Start of DATASET RECORDS

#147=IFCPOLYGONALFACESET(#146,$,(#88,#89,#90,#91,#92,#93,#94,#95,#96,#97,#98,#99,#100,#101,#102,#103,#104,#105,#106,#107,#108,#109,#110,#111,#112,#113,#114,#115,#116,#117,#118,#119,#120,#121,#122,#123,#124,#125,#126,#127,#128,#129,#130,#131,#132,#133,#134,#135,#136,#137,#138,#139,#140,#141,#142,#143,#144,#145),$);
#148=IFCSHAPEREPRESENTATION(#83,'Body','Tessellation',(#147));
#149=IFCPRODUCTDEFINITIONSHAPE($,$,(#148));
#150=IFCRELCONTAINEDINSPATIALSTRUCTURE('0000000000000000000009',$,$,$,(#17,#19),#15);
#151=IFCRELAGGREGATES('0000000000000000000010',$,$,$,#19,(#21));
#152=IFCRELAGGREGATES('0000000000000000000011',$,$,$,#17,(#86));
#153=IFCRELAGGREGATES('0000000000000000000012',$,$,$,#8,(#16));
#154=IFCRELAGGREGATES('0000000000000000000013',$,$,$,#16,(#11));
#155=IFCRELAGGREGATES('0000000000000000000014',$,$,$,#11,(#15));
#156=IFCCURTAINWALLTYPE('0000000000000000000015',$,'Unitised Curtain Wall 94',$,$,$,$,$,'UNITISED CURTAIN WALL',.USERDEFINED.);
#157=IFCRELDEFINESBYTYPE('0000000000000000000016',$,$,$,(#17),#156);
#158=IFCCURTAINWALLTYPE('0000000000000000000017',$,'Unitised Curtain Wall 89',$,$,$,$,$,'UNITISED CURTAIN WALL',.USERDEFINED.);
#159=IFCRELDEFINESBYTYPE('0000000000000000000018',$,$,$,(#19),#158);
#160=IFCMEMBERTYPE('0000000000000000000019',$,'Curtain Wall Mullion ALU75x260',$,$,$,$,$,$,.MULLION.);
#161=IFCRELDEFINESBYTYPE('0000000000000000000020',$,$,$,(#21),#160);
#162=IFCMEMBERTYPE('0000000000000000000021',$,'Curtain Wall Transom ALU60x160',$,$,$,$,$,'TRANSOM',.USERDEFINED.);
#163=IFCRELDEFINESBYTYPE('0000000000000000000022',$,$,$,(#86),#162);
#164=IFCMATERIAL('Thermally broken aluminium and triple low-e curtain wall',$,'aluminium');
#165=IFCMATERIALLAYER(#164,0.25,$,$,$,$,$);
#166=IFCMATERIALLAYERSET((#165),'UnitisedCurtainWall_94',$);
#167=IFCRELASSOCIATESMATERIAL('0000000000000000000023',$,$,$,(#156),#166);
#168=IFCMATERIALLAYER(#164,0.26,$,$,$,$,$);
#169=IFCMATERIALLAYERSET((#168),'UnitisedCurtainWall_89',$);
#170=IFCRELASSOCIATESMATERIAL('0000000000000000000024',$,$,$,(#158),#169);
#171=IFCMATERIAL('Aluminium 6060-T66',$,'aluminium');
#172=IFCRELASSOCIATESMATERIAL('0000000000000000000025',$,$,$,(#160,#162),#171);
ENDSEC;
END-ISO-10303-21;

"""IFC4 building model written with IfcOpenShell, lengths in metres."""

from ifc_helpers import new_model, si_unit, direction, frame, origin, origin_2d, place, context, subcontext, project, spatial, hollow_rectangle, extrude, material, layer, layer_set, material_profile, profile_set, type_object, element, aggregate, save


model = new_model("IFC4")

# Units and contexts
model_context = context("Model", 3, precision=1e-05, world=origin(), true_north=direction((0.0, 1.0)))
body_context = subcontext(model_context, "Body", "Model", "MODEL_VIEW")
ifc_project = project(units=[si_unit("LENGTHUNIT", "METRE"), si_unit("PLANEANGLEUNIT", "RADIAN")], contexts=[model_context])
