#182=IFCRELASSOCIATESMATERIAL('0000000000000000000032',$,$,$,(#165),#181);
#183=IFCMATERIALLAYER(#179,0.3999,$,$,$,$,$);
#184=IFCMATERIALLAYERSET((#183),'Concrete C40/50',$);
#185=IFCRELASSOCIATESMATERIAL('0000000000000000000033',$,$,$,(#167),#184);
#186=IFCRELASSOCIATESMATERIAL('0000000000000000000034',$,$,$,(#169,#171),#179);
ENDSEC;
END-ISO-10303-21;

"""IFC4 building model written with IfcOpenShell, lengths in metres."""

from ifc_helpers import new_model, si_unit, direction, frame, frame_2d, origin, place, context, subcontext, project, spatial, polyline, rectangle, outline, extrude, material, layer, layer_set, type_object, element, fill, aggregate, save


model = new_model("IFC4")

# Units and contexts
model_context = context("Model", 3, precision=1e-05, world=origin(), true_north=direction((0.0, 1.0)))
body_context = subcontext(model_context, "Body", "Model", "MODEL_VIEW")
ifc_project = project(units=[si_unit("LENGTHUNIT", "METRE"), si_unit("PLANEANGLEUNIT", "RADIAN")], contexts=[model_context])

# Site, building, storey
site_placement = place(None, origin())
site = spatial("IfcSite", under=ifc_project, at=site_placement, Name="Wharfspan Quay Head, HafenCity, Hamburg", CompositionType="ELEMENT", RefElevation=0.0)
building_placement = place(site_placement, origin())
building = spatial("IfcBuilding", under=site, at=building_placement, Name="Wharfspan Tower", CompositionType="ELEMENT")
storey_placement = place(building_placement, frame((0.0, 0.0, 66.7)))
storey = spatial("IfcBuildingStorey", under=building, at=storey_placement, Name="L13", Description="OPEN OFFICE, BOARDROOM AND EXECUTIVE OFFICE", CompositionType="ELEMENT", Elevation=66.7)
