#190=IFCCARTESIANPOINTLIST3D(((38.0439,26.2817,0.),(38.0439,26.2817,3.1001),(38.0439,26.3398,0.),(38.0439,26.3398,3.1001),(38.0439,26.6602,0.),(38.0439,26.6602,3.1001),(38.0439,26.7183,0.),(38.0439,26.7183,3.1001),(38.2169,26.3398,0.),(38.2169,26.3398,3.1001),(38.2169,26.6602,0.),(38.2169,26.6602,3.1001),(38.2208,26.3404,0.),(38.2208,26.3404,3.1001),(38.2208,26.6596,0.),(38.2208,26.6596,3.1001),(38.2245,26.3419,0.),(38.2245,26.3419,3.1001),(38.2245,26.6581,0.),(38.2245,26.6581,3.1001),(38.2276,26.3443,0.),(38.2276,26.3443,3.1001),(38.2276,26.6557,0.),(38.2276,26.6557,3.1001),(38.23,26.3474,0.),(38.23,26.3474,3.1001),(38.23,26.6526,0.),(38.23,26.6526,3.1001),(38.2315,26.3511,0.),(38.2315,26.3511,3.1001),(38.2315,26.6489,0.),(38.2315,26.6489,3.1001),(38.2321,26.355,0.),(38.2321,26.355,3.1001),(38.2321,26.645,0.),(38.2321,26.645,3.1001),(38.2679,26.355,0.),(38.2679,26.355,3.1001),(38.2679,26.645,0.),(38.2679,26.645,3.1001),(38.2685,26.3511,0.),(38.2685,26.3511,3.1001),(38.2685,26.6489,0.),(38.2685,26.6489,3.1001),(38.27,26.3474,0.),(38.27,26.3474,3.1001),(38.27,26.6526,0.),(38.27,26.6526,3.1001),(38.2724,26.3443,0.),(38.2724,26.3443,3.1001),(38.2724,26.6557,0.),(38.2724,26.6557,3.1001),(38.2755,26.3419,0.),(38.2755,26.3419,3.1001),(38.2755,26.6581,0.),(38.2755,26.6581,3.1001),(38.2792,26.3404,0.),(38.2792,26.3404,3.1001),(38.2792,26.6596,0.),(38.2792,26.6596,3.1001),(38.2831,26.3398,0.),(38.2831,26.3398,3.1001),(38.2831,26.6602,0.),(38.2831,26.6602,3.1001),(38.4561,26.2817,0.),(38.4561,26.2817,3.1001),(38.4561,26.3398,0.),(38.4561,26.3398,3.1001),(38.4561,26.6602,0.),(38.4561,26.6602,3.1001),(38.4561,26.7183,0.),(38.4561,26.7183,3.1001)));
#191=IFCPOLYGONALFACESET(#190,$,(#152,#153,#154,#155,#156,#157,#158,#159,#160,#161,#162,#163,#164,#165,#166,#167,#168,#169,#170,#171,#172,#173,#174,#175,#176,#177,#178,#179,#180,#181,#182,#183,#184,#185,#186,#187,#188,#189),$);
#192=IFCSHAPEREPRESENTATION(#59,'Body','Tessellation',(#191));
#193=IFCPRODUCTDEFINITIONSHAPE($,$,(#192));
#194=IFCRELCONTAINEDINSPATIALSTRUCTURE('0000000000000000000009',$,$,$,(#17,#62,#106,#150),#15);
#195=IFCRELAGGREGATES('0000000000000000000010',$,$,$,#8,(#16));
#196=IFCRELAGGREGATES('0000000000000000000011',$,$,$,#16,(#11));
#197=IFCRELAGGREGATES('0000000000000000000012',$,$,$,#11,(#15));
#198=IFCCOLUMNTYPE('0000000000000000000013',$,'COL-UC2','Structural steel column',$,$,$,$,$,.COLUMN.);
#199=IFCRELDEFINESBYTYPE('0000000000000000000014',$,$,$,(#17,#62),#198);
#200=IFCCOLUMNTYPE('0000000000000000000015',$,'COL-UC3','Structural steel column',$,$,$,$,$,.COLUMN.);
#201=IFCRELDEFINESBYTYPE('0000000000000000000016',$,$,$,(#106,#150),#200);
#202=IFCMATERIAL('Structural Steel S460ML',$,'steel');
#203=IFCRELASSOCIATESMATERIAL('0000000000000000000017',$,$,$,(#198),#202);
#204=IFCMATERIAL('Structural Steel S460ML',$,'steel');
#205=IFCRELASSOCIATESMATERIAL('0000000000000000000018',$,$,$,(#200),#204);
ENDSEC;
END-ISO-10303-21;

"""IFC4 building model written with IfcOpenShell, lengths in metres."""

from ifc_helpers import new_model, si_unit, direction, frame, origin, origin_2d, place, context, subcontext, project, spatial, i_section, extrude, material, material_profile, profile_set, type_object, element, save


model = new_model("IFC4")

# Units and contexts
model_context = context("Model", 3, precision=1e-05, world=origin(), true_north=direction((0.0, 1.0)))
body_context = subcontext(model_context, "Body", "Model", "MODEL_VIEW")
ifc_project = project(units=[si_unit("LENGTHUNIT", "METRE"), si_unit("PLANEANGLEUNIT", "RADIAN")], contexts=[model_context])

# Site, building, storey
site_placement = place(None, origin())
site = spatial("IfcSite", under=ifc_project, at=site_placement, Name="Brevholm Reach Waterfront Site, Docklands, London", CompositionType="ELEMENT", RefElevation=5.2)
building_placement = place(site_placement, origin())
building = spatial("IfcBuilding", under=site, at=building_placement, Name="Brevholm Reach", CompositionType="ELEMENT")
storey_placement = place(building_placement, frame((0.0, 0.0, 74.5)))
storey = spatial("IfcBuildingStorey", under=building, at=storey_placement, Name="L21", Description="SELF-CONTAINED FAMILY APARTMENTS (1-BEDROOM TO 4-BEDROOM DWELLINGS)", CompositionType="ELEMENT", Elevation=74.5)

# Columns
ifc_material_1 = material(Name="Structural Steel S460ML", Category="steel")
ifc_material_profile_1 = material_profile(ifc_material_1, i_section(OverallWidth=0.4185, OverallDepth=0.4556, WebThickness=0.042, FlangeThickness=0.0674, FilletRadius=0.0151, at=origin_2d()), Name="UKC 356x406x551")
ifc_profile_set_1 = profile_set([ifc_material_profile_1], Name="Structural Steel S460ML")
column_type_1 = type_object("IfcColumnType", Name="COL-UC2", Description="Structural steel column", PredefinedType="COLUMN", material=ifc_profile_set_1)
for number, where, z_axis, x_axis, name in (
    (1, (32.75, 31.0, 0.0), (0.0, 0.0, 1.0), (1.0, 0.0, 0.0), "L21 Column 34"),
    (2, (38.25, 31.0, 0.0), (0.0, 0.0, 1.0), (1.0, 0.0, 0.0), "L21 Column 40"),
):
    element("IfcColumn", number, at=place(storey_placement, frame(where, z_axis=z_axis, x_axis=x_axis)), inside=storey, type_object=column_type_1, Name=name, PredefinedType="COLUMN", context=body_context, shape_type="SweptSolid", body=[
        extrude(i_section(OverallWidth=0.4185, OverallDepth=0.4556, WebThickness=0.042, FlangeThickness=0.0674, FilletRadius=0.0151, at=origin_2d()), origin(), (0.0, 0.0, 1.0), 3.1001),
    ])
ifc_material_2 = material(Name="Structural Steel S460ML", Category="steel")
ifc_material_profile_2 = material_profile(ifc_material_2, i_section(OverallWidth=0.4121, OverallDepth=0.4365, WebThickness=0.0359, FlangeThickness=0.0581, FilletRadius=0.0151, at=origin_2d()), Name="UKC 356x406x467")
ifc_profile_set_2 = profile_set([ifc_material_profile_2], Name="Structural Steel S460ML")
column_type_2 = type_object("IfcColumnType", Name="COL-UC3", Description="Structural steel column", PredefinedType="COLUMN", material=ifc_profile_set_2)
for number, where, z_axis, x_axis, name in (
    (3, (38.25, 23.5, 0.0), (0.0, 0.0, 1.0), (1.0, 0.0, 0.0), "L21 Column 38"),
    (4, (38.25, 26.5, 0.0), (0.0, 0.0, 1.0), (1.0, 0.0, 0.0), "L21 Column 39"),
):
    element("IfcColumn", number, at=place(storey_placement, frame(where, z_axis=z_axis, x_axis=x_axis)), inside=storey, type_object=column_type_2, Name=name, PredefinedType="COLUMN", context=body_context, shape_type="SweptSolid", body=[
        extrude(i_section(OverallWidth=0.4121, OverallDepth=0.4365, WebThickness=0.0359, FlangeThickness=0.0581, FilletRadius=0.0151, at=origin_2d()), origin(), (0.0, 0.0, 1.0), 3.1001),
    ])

End of DATASET RECORDS

EXERCISE DIRECTIONS – The lines to retype, exactly and only, run from the first line of the material through the line with "#153=IFCRELAGGREGATES('0000000000000000000012',$,$,$,#8,(#16));".

EXERCISE RESPONSE –
#147=IFCPOLYGONALFACESET(#146,$,(#88,#89,#90,#91,#92,#93,#94,#95,#96,#97,#98,#99,#100,#101,#102,#103,#104,#105,#106,#107,#108,#109,#110,#111,#112,#113,#114,#115,#116,#117,#118,#119,#120,#121,#122,#123,#124,#125,#126,#127,#128,#129,#130,#131,#132,#133,#134,#135,#136,#137,#138,#139,#140,#141,#142,#143,#144,#145),$);
#148=IFCSHAPEREPRESENTATION(#83,'Body','Tessellation',(#147));
#149=IFCPRODUCTDEFINITIONSHAPE($,$,(#148));
#150=IFCRELCONTAINEDINSPATIALSTRUCTURE('0000000000000000000009',$,$,$,(#17,#19),#15);
#151=IFCRELAGGREGATES('0000000000000000000010',$,$,$,#19,(#21));
#152=IFCRELAGGREGATES('0000000000000000000011',$,$,$,#17,(#86));
#153=IFCRELAGGREGATES('0000000000000000000012',$,$,$,#8,(#16));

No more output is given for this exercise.